▶ **To do**: Note how many lines in the entries contain the string "IFCWALL", then give that number and nothing else.

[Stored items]
—————

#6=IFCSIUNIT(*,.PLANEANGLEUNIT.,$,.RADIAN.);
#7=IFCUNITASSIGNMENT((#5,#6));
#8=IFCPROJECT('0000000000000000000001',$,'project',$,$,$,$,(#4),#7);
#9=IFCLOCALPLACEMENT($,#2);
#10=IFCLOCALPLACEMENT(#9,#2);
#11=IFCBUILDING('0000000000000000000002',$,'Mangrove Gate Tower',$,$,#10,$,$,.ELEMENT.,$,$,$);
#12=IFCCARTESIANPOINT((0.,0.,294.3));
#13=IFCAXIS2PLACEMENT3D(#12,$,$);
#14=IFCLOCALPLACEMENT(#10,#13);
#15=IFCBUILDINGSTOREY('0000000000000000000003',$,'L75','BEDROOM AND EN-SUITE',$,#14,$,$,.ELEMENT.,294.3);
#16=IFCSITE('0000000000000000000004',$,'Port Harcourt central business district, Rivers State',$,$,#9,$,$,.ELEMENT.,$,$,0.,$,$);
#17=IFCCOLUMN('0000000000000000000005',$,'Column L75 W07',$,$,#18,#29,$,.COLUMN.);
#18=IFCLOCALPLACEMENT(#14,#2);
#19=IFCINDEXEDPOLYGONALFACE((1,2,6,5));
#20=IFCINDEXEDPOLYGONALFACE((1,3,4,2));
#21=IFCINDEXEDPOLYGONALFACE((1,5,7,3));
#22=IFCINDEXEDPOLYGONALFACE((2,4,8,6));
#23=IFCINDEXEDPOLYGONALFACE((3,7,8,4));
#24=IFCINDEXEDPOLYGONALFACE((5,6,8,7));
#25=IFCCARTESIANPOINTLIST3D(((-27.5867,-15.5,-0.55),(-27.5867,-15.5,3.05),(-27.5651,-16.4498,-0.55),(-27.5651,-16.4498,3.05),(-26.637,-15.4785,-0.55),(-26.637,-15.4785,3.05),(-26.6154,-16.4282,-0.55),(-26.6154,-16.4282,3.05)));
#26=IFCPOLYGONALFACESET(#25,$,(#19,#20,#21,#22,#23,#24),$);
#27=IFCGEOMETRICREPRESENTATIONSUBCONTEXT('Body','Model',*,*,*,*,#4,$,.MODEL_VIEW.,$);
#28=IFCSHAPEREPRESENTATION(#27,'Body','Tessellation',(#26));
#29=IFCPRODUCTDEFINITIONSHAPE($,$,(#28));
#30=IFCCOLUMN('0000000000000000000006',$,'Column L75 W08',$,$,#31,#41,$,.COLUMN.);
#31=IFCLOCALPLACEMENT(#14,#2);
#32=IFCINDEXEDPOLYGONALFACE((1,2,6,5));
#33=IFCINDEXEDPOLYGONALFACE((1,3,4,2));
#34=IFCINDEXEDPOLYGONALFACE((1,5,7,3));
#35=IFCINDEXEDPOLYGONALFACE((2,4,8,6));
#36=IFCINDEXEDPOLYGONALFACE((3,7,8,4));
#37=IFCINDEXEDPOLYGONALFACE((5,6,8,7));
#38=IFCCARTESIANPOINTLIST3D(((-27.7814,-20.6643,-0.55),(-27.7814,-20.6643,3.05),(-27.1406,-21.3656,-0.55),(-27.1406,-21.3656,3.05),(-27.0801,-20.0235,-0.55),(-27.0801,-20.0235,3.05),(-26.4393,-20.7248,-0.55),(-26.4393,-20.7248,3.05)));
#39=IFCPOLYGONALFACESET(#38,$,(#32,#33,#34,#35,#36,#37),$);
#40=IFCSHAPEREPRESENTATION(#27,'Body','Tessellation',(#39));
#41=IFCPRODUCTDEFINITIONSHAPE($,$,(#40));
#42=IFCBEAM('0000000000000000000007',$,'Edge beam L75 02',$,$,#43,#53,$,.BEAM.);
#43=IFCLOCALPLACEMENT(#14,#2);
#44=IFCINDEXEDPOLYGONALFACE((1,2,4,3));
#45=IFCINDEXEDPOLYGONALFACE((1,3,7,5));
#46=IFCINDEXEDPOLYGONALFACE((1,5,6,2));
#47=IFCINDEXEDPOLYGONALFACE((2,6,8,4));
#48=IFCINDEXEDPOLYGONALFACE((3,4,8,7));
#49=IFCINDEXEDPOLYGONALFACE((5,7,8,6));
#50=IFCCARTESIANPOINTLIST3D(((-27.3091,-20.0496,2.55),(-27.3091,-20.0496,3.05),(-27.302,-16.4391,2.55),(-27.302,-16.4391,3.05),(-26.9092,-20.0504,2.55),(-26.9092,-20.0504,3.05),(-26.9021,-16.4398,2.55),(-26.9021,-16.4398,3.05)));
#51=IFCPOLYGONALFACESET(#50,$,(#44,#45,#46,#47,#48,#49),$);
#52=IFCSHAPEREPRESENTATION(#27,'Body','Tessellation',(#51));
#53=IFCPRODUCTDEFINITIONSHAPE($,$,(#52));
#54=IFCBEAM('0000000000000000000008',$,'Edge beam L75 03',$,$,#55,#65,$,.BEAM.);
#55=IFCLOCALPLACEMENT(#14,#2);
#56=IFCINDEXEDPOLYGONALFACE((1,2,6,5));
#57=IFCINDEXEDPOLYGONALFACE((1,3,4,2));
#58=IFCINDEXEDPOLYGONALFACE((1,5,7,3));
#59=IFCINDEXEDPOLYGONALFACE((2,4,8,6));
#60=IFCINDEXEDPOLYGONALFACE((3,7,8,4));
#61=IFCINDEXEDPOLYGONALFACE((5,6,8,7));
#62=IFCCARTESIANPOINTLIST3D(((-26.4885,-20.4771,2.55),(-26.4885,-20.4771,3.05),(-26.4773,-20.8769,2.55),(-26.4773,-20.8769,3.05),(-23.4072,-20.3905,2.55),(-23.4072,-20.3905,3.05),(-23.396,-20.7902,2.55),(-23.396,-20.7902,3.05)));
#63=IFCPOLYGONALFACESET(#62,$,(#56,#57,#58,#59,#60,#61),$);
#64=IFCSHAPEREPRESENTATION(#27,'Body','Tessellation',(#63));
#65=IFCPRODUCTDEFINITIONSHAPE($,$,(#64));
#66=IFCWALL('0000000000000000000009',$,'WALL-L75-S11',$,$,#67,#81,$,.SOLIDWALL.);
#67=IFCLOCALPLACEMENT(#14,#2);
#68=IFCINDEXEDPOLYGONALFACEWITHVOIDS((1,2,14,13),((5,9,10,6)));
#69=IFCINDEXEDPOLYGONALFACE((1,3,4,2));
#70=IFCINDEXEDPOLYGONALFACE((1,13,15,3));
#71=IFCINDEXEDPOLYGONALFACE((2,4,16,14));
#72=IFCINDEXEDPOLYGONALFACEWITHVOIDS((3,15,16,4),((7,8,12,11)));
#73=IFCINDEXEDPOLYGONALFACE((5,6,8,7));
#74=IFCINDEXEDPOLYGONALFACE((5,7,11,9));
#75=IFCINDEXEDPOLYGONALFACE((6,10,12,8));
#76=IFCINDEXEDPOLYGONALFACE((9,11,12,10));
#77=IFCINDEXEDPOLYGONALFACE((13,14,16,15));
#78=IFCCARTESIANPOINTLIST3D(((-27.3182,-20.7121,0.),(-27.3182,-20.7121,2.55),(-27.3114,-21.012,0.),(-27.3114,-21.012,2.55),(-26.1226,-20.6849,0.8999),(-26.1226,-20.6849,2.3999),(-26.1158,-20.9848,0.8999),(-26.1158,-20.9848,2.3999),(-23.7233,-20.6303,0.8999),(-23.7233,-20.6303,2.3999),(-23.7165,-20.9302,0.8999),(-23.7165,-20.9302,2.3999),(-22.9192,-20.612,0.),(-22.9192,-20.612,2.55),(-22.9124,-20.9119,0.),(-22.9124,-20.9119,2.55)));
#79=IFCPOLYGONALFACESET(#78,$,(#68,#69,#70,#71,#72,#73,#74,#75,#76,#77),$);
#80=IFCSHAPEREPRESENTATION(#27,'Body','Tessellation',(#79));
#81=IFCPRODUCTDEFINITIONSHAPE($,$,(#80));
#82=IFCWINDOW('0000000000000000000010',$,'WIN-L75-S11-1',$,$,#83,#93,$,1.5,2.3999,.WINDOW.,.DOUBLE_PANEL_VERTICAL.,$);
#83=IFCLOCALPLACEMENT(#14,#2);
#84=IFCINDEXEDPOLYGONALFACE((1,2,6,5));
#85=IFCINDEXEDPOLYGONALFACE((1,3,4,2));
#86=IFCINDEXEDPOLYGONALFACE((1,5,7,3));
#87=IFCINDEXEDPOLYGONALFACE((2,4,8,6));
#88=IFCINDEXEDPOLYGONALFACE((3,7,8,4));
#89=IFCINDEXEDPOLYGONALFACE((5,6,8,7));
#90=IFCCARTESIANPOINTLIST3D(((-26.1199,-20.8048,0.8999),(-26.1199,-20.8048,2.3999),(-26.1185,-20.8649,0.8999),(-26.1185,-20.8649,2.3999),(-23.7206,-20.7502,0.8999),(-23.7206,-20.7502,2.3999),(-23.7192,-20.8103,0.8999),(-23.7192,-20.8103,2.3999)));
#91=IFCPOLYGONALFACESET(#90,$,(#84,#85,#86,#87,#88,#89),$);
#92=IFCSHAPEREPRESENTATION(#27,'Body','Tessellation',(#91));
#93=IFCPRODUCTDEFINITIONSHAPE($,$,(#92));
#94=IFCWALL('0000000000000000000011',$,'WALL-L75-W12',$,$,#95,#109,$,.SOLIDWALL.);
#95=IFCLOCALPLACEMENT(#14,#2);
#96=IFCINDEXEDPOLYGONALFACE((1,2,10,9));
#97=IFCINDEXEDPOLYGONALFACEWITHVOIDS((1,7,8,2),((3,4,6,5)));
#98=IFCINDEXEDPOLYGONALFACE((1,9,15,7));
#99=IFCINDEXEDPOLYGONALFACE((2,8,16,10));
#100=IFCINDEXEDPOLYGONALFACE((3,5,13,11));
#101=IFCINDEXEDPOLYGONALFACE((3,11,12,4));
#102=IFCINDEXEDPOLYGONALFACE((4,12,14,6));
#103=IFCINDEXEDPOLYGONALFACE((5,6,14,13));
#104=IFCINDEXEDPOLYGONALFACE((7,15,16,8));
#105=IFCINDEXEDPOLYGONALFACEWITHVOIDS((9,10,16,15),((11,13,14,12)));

—————

▶ **Written response**: 2